- **GOAL OF THE EXERCISE**
What is needed is an exact retyping of the records below, from the first line through the line that contains "#140=IFCINDEXEDPOLYGONALFACE((30,32,68,66));".
[[ RECORD SET open ]]
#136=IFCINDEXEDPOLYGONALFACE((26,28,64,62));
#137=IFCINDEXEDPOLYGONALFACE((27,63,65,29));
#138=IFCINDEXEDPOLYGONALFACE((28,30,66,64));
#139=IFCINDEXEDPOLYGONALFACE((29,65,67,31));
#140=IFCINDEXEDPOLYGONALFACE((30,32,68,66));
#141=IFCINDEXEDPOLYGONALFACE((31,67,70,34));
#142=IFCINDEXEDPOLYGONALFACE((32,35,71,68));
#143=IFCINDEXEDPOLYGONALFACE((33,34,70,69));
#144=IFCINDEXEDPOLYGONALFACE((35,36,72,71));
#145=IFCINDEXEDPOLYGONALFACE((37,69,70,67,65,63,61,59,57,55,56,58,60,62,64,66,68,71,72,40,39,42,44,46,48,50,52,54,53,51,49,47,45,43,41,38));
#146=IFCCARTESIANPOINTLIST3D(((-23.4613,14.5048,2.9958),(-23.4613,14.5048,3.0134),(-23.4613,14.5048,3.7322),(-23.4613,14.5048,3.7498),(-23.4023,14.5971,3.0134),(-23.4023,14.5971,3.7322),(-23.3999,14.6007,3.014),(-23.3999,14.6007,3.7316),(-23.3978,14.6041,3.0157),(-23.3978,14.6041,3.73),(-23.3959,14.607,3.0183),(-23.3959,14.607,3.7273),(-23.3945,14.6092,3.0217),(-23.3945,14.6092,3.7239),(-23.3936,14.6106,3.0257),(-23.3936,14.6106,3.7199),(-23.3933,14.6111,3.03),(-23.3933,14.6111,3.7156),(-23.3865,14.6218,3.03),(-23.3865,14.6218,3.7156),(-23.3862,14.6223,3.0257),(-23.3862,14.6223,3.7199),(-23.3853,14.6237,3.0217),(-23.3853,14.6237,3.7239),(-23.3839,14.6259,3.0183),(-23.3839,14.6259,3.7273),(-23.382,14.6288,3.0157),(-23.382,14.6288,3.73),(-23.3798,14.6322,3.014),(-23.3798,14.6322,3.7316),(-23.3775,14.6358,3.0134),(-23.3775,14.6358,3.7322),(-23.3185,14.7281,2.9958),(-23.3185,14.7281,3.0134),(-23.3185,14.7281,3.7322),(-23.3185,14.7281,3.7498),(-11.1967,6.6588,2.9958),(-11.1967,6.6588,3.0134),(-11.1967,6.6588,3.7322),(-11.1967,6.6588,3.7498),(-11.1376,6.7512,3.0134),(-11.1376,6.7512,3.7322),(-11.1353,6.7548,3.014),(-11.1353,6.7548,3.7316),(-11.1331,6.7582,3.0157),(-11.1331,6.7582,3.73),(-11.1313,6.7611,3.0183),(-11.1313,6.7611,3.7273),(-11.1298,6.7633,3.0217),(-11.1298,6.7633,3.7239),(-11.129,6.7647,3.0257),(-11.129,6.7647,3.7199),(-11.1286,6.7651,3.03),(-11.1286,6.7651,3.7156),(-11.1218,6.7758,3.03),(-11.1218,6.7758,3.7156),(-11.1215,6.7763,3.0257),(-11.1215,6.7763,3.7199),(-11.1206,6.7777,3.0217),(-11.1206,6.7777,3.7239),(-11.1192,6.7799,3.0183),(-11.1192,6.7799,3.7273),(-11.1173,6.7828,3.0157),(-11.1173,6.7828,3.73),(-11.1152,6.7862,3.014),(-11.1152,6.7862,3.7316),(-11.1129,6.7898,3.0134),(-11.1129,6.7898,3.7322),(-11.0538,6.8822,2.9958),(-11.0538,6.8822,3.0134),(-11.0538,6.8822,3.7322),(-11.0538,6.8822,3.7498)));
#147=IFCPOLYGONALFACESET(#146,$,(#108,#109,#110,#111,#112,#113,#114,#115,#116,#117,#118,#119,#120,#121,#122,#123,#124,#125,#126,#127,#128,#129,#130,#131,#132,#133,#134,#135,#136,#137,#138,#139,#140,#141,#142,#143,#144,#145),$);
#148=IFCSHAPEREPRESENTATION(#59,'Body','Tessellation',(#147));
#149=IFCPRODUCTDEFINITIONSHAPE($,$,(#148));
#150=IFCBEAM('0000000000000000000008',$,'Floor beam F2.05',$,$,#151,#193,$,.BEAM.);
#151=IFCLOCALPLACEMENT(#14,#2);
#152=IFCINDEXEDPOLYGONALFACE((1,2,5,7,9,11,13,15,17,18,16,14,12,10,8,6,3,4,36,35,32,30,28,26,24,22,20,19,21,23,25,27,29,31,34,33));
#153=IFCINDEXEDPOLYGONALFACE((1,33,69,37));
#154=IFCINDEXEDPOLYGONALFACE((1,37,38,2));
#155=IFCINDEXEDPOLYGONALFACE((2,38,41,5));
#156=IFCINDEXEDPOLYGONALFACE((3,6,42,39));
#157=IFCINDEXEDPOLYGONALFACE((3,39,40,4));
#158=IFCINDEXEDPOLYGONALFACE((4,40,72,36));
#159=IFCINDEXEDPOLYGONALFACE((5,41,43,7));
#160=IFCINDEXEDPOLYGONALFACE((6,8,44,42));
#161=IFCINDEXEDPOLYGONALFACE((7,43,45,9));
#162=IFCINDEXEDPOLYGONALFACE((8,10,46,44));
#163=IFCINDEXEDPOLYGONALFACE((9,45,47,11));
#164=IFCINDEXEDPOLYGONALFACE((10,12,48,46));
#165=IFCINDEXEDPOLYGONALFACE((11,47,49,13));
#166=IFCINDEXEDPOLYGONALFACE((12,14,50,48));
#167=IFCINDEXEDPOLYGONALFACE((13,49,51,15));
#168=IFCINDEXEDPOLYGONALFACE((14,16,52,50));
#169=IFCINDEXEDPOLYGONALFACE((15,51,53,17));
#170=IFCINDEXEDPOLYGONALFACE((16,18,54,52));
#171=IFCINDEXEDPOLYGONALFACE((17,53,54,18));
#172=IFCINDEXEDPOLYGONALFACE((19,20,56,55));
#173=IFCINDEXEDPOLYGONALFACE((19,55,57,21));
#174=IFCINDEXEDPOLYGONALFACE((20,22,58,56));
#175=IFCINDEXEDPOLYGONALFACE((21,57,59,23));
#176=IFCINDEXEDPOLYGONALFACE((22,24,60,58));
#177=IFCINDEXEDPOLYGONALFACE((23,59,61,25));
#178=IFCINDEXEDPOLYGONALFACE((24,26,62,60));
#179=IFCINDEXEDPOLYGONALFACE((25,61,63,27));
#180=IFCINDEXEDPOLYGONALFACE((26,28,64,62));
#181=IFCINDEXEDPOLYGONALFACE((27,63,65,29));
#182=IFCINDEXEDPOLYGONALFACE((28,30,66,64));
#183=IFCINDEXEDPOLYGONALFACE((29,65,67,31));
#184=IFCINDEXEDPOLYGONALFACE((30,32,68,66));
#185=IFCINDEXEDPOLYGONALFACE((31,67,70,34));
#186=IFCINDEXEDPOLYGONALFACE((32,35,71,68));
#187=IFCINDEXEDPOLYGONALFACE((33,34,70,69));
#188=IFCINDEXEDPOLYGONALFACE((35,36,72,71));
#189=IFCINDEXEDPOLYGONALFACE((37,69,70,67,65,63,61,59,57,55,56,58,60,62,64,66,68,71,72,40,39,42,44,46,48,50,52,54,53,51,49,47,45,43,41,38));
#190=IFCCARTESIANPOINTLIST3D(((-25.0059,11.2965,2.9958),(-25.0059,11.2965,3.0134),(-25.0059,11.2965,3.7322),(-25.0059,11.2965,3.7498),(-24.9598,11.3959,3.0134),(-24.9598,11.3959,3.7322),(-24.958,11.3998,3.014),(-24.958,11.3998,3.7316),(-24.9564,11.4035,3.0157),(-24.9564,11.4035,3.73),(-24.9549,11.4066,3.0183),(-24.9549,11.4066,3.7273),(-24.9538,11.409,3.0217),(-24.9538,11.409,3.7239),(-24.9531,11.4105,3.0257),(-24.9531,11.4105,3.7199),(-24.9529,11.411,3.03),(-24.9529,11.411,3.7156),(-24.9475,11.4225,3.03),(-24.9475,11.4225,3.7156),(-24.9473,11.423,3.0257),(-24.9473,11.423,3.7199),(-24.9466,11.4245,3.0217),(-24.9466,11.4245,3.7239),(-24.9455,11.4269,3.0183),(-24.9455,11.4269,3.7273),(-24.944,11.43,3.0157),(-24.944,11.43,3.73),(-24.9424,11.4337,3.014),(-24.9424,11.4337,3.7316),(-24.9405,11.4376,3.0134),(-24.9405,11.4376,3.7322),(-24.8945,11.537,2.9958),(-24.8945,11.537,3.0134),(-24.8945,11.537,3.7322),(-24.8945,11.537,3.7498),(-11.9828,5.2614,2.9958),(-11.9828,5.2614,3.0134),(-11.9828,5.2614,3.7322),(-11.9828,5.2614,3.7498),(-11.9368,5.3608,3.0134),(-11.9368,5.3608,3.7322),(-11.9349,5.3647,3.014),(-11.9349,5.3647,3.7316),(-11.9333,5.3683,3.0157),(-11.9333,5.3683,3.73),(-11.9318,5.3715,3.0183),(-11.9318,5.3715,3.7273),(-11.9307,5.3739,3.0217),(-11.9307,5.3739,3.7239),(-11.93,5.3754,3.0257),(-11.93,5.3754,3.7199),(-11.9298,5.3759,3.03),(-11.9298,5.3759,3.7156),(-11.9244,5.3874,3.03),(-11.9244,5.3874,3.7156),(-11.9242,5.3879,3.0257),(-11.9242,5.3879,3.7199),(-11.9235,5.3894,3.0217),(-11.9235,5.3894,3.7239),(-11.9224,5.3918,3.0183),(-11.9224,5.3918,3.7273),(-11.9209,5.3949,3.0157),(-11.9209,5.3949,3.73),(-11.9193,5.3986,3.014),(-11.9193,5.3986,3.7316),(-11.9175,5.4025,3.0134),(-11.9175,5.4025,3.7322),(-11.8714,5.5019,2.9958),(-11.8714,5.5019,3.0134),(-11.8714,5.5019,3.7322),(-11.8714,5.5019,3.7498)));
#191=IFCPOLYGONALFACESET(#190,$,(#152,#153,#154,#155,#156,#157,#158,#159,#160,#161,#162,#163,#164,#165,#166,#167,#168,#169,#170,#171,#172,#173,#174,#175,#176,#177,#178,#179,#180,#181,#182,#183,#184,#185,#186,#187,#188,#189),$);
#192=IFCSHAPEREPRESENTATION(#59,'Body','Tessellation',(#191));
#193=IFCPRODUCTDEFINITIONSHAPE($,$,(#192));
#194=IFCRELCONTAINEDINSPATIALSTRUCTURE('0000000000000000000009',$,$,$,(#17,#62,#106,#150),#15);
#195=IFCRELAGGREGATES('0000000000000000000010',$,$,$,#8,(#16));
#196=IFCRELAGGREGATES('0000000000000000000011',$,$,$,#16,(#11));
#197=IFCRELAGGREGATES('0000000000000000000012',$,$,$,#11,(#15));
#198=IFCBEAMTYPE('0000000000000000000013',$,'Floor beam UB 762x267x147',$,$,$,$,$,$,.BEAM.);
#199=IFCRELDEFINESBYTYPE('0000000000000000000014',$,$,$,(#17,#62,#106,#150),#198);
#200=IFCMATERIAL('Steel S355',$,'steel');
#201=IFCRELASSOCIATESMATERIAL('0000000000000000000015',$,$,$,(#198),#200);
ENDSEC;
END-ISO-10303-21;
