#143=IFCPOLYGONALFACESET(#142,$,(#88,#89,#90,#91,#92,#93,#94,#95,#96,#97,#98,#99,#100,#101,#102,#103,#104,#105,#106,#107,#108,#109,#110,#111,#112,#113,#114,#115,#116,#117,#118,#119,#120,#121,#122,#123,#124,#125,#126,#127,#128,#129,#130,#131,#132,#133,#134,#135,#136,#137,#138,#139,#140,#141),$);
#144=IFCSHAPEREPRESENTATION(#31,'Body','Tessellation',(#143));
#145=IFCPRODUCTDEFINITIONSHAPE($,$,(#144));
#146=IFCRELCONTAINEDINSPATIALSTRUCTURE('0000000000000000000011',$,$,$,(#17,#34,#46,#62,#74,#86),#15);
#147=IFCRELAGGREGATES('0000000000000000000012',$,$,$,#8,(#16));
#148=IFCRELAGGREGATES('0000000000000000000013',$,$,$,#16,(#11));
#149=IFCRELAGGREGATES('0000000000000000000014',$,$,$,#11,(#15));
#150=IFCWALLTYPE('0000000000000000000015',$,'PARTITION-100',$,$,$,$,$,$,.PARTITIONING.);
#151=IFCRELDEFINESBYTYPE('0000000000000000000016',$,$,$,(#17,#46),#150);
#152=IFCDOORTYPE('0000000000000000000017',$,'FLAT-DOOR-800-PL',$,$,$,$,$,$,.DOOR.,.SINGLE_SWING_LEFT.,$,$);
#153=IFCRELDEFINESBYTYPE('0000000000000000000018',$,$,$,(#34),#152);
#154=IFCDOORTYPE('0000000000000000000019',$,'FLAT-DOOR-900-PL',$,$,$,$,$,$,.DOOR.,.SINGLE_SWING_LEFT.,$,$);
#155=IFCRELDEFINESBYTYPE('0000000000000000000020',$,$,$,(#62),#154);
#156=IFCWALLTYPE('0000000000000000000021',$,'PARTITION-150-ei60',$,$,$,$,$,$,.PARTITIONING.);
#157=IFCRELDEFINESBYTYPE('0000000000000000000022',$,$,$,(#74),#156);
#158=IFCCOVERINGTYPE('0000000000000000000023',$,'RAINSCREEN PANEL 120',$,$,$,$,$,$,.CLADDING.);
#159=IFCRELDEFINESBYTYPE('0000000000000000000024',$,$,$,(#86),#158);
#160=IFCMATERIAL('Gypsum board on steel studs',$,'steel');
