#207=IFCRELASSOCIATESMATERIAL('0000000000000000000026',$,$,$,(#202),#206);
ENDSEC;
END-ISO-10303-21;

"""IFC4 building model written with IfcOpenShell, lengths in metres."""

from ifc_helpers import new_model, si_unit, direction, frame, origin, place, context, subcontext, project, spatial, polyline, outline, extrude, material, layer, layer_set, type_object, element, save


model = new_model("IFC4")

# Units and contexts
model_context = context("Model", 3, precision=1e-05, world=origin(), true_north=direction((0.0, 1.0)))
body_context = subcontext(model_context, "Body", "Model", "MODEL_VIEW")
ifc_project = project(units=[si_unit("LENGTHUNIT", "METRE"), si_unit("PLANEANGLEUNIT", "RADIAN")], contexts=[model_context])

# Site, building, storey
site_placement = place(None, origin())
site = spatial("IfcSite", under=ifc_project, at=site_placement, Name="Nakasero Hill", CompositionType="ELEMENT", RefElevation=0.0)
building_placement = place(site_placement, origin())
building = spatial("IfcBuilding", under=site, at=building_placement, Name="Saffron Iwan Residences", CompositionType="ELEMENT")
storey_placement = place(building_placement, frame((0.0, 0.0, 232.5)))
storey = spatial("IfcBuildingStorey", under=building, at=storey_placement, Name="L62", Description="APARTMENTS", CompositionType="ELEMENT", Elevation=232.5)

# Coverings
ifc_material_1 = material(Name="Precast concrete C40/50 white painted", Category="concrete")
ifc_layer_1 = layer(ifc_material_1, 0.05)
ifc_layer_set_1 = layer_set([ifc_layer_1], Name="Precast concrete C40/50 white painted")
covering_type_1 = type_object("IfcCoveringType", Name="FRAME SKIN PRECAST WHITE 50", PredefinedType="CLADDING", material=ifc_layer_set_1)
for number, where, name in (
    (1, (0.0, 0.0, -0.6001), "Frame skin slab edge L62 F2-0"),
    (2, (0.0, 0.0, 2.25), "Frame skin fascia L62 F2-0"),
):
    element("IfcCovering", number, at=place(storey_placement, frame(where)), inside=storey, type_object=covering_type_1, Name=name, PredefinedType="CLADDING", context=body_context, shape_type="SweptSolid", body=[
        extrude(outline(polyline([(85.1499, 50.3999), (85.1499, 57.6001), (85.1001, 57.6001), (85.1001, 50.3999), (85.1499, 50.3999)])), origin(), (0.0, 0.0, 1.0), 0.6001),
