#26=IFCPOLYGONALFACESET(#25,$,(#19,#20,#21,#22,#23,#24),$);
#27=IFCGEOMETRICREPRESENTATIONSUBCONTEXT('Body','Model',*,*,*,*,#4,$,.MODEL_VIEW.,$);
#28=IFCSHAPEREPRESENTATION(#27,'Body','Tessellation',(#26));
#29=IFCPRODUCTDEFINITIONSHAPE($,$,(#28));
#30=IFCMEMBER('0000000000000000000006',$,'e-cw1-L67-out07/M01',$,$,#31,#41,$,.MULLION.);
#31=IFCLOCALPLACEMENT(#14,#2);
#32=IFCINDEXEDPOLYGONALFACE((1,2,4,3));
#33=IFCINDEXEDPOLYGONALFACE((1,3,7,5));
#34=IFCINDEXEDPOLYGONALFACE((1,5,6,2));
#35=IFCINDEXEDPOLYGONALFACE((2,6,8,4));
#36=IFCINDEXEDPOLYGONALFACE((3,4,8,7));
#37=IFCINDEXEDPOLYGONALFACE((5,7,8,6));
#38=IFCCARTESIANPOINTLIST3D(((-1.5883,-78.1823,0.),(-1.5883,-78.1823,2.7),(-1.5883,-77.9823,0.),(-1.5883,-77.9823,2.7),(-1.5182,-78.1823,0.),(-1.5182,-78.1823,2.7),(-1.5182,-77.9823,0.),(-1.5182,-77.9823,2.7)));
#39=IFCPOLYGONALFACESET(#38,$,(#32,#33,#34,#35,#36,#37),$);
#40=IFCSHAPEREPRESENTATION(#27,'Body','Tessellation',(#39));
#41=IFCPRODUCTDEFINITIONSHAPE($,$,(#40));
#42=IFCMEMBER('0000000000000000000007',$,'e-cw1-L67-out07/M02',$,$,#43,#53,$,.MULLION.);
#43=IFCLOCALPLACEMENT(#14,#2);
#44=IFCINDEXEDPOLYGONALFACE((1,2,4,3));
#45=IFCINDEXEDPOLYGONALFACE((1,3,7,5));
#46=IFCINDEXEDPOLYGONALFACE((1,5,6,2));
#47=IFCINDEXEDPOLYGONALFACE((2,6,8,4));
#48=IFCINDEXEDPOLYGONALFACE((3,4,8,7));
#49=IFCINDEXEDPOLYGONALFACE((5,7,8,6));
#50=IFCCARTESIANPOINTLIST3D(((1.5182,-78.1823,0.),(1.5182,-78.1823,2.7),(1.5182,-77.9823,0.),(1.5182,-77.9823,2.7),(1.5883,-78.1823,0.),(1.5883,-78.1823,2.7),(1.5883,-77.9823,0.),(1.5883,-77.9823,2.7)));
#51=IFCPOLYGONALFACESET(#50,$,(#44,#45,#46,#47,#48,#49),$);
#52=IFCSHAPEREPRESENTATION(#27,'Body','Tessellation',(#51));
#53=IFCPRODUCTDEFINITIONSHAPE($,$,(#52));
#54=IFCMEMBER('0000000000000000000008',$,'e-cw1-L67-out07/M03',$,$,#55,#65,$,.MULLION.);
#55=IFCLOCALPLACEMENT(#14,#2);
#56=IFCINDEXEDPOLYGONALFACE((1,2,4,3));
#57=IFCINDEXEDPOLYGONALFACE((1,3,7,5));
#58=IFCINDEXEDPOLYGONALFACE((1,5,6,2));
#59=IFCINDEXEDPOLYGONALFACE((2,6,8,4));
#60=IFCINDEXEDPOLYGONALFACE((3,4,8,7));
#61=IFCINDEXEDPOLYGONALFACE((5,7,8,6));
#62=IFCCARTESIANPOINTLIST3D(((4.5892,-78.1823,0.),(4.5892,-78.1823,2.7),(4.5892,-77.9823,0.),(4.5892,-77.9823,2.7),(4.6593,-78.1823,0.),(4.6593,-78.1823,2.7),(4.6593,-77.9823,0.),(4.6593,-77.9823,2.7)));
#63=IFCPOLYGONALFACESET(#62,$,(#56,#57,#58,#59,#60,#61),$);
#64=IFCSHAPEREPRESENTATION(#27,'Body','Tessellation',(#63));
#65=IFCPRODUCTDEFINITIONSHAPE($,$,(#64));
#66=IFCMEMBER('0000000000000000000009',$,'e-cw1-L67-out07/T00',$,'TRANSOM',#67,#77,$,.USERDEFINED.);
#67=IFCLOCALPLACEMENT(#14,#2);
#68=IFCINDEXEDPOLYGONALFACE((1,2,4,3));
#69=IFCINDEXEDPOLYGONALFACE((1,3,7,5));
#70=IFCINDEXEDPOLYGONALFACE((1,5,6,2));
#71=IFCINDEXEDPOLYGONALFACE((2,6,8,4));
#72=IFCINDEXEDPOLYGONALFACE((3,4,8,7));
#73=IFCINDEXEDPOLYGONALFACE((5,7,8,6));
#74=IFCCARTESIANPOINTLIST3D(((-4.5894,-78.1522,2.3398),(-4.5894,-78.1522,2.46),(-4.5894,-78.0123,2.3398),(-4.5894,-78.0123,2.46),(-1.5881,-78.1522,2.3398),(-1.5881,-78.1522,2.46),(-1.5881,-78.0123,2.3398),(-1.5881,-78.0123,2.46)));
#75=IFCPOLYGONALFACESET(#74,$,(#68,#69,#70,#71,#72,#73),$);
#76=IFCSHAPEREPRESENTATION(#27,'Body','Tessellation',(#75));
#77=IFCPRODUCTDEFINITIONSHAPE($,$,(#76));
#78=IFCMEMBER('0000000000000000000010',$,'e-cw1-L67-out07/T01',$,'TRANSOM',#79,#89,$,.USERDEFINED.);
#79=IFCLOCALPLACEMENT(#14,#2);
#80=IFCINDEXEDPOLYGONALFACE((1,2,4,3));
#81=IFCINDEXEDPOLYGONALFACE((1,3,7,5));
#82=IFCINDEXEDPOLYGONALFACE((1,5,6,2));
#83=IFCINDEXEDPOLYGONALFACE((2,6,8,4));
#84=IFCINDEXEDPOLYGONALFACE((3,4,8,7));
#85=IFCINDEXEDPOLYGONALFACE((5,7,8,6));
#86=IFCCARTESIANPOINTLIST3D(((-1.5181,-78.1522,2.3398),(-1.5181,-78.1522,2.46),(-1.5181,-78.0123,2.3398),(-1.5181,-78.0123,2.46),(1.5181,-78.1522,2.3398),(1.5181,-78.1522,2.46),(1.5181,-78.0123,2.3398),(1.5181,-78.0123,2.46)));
[[ RECORD SET closed ]]
- **WRITTEN ANSWER**
#136=IFCINDEXEDPOLYGONALFACE((26,28,64,62));
#137=IFCINDEXEDPOLYGONALFACE((27,63,65,29));
#138=IFCINDEXEDPOLYGONALFACE((28,30,66,64));
#139=IFCINDEXEDPOLYGONALFACE((29,65,67,31));
#140=IFCINDEXEDPOLYGONALFACE((30,32,68,66));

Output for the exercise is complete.